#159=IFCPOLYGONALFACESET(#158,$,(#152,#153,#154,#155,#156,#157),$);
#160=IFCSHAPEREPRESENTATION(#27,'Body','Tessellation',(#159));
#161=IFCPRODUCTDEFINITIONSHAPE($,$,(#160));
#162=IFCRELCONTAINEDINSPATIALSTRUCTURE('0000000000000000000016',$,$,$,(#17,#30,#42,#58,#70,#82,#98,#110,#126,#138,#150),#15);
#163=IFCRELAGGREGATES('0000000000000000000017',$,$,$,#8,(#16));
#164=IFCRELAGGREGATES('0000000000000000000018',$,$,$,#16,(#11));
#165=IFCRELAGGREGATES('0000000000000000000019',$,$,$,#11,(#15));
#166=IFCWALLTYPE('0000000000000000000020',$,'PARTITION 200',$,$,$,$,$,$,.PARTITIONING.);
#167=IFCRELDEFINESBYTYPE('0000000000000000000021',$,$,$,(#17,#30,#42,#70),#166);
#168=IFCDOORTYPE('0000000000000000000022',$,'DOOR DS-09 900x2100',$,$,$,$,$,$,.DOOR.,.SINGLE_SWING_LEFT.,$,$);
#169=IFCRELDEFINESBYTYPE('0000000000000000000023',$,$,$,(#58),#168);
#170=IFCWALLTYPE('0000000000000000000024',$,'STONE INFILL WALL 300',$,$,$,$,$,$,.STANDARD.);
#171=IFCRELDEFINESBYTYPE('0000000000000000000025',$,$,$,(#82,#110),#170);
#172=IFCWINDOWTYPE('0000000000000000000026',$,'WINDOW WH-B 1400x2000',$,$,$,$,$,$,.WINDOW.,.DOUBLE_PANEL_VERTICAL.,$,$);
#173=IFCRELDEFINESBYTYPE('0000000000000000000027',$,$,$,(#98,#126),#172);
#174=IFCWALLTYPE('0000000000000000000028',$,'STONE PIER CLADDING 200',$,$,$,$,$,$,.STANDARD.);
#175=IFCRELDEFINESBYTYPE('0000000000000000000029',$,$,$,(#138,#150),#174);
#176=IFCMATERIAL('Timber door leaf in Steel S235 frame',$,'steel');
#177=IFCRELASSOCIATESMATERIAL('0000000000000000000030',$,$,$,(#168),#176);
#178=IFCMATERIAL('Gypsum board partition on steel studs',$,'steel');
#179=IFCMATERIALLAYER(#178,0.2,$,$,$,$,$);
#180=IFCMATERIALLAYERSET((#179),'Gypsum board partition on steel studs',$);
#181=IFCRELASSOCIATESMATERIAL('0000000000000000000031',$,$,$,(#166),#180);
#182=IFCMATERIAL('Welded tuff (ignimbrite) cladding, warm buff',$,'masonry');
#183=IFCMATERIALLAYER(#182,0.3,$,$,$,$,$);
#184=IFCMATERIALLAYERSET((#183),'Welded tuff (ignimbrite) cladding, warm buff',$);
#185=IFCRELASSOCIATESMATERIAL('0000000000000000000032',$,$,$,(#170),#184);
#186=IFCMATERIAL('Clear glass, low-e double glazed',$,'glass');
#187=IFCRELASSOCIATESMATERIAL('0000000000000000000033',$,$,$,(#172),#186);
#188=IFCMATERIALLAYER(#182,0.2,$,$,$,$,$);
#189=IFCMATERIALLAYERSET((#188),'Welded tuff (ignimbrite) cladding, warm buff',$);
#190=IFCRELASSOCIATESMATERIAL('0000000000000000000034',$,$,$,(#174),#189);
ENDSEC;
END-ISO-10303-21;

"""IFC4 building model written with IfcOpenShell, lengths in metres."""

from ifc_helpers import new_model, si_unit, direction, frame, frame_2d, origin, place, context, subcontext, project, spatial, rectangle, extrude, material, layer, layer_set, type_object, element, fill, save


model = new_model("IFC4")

● ● ● ● ● ● ●

Restate exactly each line of the data from the one bearing "#180=IFCMATERIALLAYERSET((#179),'Gypsum board partition" to the end, and add nothing.

#180=IFCMATERIALLAYERSET((#179),'Gypsum board partition on steel studs',$);
#181=IFCRELASSOCIATESMATERIAL('0000000000000000000031',$,$,$,(#166),#180);
#182=IFCMATERIAL('Welded tuff (ignimbrite) cladding, warm buff',$,'masonry');
#183=IFCMATERIALLAYER(#182,0.3,$,$,$,$,$);
#184=IFCMATERIALLAYERSET((#183),'Welded tuff (ignimbrite) cladding, warm buff',$);
#185=IFCRELASSOCIATESMATERIAL('0000000000000000000032',$,$,$,(#170),#184);
#186=IFCMATERIAL('Clear glass, low-e double glazed',$,'glass');
#187=IFCRELASSOCIATESMATERIAL('0000000000000000000033',$,$,$,(#172),#186);
#188=IFCMATERIALLAYER(#182,0.2,$,$,$,$,$);
#189=IFCMATERIALLAYERSET((#188),'Welded tuff (ignimbrite) cladding, warm buff',$);
#190=IFCRELASSOCIATESMATERIAL('0000000000000000000034',$,$,$,(#174),#189);
ENDSEC;
END-ISO-10303-21;

"""IFC4 building model written with IfcOpenShell, lengths in metres."""

from ifc_helpers import new_model, si_unit, direction, frame, frame_2d, origin, place, context, subcontext, project, spatial, rectangle, extrude, material, layer, layer_set, type_object, element, fill, save


model = new_model("IFC4")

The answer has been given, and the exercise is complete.